>>>>

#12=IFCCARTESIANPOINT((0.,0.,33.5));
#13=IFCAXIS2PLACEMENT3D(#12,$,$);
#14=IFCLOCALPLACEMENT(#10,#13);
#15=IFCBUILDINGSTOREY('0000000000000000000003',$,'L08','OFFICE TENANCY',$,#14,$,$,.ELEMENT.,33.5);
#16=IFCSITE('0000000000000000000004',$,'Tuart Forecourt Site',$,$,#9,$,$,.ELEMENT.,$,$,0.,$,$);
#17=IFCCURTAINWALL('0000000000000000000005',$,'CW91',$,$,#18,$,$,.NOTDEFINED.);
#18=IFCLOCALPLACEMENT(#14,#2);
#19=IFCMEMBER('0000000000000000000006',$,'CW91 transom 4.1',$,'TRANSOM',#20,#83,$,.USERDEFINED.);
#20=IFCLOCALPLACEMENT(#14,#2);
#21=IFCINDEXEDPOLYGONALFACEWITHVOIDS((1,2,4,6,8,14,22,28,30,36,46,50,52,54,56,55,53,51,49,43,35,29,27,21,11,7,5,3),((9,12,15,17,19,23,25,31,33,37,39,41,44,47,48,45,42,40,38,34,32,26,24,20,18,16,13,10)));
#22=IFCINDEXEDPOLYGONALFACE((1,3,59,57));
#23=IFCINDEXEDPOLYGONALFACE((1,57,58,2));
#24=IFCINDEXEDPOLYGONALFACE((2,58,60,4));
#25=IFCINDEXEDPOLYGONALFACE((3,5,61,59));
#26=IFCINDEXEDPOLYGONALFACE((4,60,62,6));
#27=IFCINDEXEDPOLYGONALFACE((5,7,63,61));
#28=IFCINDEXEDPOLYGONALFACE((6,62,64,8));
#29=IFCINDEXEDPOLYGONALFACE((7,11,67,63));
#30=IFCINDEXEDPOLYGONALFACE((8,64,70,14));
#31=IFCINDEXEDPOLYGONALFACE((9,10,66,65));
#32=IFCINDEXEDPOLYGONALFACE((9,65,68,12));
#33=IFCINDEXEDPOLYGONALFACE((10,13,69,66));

<<<<
>>>>

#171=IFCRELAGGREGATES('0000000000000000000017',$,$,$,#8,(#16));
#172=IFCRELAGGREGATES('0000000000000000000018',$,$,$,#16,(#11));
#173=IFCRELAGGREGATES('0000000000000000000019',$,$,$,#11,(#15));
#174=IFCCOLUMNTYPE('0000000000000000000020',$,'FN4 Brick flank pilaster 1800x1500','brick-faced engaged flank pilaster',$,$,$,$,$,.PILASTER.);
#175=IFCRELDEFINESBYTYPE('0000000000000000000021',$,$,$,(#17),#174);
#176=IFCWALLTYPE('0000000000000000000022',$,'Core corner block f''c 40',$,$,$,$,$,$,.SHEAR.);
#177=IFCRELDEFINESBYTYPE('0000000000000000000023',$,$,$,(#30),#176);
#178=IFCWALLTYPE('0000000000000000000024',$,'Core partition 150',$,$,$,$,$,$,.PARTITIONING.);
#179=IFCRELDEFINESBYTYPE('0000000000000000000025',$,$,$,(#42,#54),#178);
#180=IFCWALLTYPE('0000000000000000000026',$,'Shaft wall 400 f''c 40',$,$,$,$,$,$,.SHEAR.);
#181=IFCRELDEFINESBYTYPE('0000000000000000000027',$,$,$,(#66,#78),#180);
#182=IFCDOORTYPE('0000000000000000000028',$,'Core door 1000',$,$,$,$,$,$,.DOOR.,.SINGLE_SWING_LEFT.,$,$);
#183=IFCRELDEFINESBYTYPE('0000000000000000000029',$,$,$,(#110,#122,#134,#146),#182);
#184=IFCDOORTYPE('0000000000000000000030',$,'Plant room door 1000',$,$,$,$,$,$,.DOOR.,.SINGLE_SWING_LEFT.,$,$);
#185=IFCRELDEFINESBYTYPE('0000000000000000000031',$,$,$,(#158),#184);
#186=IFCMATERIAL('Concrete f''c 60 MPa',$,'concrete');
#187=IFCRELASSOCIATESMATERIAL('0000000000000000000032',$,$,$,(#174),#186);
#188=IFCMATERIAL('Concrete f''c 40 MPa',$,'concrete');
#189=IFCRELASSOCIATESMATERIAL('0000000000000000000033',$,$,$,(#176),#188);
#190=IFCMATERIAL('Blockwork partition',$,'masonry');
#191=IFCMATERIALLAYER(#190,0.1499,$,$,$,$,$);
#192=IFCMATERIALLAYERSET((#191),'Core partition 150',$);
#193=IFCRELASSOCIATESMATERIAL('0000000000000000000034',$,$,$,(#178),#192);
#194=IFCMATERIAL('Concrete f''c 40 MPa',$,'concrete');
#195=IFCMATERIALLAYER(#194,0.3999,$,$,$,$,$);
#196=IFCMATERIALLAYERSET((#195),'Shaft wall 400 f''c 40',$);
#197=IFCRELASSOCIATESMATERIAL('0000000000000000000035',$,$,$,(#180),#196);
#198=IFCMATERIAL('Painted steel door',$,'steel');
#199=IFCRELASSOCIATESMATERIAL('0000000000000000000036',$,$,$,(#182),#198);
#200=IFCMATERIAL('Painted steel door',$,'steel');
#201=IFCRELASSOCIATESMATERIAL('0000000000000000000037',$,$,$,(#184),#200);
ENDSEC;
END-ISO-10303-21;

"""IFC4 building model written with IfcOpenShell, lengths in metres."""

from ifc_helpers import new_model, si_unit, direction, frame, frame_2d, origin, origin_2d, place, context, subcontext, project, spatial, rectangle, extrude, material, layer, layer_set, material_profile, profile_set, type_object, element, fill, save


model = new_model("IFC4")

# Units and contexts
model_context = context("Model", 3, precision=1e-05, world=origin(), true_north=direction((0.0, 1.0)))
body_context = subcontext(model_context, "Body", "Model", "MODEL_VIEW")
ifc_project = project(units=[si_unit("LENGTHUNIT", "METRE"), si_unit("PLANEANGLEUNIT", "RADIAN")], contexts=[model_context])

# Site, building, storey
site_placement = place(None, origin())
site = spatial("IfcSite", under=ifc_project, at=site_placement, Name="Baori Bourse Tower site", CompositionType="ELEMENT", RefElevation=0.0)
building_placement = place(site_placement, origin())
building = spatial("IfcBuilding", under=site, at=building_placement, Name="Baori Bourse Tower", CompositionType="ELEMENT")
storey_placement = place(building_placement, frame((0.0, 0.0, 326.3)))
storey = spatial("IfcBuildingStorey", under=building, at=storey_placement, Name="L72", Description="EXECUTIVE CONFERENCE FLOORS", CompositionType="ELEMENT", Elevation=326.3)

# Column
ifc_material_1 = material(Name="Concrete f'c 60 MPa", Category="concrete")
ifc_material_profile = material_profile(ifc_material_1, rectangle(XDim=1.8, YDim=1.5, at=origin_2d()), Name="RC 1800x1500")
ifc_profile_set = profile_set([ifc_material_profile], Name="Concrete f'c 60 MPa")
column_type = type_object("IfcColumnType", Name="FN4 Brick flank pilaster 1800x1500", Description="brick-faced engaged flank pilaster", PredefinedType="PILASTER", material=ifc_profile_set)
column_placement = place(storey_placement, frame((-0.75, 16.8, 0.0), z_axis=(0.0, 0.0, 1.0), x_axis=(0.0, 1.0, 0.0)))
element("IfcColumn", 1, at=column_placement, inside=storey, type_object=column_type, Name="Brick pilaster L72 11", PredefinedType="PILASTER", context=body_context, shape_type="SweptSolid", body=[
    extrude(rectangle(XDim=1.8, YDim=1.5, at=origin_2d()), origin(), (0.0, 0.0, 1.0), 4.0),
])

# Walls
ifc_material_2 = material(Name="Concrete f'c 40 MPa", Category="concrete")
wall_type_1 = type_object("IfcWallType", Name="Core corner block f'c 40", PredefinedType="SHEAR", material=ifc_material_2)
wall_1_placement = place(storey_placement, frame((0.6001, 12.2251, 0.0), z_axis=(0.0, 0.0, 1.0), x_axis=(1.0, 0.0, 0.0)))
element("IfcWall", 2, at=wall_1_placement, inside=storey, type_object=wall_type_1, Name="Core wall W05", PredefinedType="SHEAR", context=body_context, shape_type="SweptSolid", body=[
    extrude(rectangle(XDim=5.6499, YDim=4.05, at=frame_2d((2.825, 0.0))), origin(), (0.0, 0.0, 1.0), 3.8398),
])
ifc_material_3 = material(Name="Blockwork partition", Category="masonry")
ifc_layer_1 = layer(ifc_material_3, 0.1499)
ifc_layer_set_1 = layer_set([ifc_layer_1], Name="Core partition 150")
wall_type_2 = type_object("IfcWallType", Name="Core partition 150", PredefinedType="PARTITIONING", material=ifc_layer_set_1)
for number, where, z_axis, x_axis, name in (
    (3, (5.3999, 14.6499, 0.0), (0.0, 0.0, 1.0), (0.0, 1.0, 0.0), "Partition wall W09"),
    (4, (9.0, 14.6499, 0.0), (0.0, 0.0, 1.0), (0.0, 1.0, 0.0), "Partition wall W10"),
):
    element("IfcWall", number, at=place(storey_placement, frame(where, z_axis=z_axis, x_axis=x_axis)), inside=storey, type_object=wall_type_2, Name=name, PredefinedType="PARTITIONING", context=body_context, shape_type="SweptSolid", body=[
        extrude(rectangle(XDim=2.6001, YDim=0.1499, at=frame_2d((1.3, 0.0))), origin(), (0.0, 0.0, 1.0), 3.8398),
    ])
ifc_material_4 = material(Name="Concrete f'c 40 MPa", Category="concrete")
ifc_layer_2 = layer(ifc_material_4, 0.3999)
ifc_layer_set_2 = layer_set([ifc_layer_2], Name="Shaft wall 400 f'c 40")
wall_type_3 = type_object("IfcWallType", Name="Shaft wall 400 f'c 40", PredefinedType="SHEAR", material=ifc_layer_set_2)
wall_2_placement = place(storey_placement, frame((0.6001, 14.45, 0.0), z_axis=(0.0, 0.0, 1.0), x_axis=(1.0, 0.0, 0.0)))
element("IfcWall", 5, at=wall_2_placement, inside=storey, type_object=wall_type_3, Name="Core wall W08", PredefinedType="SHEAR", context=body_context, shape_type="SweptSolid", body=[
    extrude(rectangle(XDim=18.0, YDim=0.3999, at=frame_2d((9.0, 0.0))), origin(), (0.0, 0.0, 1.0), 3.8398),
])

<<<<

WHAT IS EXPECTED —
Output should match, line for line, the stretch of the material above from the line holding "#12=IFCCARTESIANPOINT((0.,0.,33.5));" through the line holding "#33=IFCINDEXEDPOLYGONALFACE((10,13,69,66));".

FINISHED TASK —
#12=IFCCARTESIANPOINT((0.,0.,33.5));
#13=IFCAXIS2PLACEMENT3D(#12,$,$);
#14=IFCLOCALPLACEMENT(#10,#13);
#15=IFCBUILDINGSTOREY('0000000000000000000003',$,'L08','OFFICE TENANCY',$,#14,$,$,.ELEMENT.,33.5);
#16=IFCSITE('0000000000000000000004',$,'Tuart Forecourt Site',$,$,#9,$,$,.ELEMENT.,$,$,0.,$,$);
#17=IFCCURTAINWALL('0000000000000000000005',$,'CW91',$,$,#18,$,$,.NOTDEFINED.);
#18=IFCLOCALPLACEMENT(#14,#2);
#19=IFCMEMBER('0000000000000000000006',$,'CW91 transom 4.1',$,'TRANSOM',#20,#83,$,.USERDEFINED.);
#20=IFCLOCALPLACEMENT(#14,#2);
#21=IFCINDEXEDPOLYGONALFACEWITHVOIDS((1,2,4,6,8,14,22,28,30,36,46,50,52,54,56,55,53,51,49,43,35,29,27,21,11,7,5,3),((9,12,15,17,19,23,25,31,33,37,39,41,44,47,48,45,42,40,38,34,32,26,24,20,18,16,13,10)));
#22=IFCINDEXEDPOLYGONALFACE((1,3,59,57));
#23=IFCINDEXEDPOLYGONALFACE((1,57,58,2));
#24=IFCINDEXEDPOLYGONALFACE((2,58,60,4));
#25=IFCINDEXEDPOLYGONALFACE((3,5,61,59));
#26=IFCINDEXEDPOLYGONALFACE((4,60,62,6));
#27=IFCINDEXEDPOLYGONALFACE((5,7,63,61));
#28=IFCINDEXEDPOLYGONALFACE((6,62,64,8));
#29=IFCINDEXEDPOLYGONALFACE((7,11,67,63));
#30=IFCINDEXEDPOLYGONALFACE((8,64,70,14));
#31=IFCINDEXEDPOLYGONALFACE((9,10,66,65));
#32=IFCINDEXEDPOLYGONALFACE((9,65,68,12));
#33=IFCINDEXEDPOLYGONALFACE((10,13,69,66));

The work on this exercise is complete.